## TASK DATA
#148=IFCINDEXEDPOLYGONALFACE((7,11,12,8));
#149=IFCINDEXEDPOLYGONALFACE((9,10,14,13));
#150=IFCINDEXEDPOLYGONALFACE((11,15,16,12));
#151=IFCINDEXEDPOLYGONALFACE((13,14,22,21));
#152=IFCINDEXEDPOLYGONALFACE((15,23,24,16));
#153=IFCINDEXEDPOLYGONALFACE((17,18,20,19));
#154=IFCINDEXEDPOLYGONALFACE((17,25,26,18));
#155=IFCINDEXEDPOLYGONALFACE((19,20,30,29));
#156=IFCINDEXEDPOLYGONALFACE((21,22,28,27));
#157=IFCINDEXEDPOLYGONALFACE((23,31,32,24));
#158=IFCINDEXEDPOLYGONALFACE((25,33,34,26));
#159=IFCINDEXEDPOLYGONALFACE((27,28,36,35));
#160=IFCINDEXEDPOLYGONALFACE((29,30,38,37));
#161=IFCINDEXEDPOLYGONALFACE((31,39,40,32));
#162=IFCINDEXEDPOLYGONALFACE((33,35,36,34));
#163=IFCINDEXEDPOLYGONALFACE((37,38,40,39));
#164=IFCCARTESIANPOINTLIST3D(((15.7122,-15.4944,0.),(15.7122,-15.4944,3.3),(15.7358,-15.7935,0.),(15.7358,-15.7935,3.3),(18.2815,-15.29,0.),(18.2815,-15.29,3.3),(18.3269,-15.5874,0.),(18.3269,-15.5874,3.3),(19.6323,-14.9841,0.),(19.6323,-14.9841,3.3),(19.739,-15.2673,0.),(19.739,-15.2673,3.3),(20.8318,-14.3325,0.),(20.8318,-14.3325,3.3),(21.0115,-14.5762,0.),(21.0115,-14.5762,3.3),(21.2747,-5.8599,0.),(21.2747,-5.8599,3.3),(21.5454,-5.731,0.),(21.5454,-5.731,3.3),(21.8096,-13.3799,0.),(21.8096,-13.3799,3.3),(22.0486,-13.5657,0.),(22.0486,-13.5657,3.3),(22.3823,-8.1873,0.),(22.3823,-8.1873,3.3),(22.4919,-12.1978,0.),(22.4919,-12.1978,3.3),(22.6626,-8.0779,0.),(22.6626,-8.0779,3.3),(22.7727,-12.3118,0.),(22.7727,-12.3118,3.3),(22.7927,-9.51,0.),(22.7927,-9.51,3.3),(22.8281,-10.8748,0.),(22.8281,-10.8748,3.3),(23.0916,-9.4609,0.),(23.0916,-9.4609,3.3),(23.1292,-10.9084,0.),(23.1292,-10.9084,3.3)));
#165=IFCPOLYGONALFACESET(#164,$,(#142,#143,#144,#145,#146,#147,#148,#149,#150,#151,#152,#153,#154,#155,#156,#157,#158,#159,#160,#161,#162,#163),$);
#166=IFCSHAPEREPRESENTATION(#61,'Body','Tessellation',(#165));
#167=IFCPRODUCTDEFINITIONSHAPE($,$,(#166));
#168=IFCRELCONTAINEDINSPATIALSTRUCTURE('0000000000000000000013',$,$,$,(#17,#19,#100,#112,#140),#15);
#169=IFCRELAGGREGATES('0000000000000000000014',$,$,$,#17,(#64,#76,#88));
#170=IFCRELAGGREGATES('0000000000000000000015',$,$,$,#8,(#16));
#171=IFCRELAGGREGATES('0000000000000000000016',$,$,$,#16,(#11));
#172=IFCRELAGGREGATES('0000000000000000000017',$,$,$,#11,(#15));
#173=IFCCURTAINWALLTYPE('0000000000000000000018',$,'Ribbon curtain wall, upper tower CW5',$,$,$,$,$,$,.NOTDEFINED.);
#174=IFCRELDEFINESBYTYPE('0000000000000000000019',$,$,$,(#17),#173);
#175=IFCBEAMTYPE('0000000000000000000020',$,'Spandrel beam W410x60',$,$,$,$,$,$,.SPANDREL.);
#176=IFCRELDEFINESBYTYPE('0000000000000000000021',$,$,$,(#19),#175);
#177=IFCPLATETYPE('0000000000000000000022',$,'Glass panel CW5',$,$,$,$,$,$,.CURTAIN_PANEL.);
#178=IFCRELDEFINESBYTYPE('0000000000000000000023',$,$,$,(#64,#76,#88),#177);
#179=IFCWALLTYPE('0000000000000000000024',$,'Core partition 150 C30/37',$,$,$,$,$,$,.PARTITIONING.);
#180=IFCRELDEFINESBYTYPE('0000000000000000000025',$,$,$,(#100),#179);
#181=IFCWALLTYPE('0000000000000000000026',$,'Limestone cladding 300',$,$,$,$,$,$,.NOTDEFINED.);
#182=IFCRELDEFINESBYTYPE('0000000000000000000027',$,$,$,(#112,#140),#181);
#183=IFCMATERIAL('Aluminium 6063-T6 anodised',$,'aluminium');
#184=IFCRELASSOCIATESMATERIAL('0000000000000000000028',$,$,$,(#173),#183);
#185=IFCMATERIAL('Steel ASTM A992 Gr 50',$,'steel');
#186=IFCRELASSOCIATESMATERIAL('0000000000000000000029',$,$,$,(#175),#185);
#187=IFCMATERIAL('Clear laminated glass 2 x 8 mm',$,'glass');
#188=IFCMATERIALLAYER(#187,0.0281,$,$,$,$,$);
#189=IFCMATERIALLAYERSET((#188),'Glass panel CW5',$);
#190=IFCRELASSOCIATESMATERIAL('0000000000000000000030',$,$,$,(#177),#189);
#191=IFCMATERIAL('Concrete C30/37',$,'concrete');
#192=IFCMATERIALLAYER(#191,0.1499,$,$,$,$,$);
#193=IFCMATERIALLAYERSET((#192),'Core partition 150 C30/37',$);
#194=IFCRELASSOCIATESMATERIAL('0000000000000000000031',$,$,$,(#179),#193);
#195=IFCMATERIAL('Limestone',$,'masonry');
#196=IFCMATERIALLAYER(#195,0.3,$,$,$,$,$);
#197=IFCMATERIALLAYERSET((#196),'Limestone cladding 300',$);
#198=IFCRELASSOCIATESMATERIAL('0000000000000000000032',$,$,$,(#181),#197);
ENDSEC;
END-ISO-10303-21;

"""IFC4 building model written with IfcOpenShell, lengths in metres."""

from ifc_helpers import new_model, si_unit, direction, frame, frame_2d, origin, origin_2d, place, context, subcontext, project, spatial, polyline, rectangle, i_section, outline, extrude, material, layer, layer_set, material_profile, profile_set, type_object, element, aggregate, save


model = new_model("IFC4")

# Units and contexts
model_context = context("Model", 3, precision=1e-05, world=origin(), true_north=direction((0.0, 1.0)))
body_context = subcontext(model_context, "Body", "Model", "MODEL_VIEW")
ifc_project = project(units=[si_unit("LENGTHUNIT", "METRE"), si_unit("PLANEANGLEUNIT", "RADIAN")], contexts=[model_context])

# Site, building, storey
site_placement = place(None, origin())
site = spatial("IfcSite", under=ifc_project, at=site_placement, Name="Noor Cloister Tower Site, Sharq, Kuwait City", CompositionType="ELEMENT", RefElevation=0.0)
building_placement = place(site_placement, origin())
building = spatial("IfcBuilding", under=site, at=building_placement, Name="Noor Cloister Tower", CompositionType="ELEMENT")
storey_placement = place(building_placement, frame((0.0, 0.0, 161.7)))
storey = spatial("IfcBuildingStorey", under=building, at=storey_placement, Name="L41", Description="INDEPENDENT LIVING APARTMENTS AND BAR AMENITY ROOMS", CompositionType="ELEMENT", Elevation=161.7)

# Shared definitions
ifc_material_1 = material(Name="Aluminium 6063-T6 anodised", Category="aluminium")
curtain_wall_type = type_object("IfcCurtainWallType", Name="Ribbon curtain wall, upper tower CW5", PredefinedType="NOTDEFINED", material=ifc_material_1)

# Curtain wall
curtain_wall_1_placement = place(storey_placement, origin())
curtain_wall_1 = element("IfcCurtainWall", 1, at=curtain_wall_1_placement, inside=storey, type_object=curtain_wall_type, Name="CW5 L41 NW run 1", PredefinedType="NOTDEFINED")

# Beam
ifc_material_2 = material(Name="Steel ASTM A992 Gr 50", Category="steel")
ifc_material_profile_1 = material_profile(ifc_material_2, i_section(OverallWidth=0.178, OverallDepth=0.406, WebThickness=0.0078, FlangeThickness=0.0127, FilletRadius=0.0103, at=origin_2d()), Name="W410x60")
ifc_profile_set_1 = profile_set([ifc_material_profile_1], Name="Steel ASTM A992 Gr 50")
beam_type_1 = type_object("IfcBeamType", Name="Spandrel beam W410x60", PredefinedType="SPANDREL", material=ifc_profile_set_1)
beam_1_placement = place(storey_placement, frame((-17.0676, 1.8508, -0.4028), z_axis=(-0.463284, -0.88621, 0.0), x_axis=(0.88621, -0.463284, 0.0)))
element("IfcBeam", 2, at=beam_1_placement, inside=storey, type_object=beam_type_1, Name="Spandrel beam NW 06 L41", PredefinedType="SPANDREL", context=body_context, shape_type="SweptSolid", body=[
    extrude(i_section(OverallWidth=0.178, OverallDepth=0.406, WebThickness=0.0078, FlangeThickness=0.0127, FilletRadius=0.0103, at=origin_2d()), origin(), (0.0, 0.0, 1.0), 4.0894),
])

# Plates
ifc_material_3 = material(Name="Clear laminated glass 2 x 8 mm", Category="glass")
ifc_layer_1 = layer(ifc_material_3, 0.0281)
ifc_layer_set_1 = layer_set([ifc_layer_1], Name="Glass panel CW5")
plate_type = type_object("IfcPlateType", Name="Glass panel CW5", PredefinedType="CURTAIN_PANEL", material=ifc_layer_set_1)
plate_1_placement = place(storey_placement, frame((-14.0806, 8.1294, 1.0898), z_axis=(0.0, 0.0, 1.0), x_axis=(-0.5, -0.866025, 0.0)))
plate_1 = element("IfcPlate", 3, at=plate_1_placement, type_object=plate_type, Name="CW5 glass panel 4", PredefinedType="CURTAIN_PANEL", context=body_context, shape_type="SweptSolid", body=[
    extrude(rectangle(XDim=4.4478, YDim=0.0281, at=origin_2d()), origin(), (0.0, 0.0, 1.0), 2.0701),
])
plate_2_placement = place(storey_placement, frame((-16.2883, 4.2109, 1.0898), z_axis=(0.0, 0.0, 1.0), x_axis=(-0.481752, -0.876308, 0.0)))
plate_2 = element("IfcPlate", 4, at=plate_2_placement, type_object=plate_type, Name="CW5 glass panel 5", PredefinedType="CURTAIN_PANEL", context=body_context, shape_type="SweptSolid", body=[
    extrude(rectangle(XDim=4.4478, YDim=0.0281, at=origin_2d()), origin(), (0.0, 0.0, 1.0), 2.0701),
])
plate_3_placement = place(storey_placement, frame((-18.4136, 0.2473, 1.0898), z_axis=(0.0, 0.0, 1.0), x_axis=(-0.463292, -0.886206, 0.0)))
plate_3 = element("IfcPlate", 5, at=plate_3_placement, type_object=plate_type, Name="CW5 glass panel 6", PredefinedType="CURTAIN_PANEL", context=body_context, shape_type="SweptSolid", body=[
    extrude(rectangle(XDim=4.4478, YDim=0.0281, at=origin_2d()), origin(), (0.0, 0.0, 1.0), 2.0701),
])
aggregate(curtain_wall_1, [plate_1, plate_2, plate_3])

## WHAT YOU ARE ASKED TO DO
Look back at the entries above and repeat, unchanged, every line from the line holding "#162=IFCINDEXEDPOLYGONALFACE((33,35,36,34));" through the line holding "#163=IFCINDEXEDPOLYGONALFACE((37,38,40,39));".

## TASK RESPONSE
#162=IFCINDEXEDPOLYGONALFACE((33,35,36,34));
#163=IFCINDEXEDPOLYGONALFACE((37,38,40,39));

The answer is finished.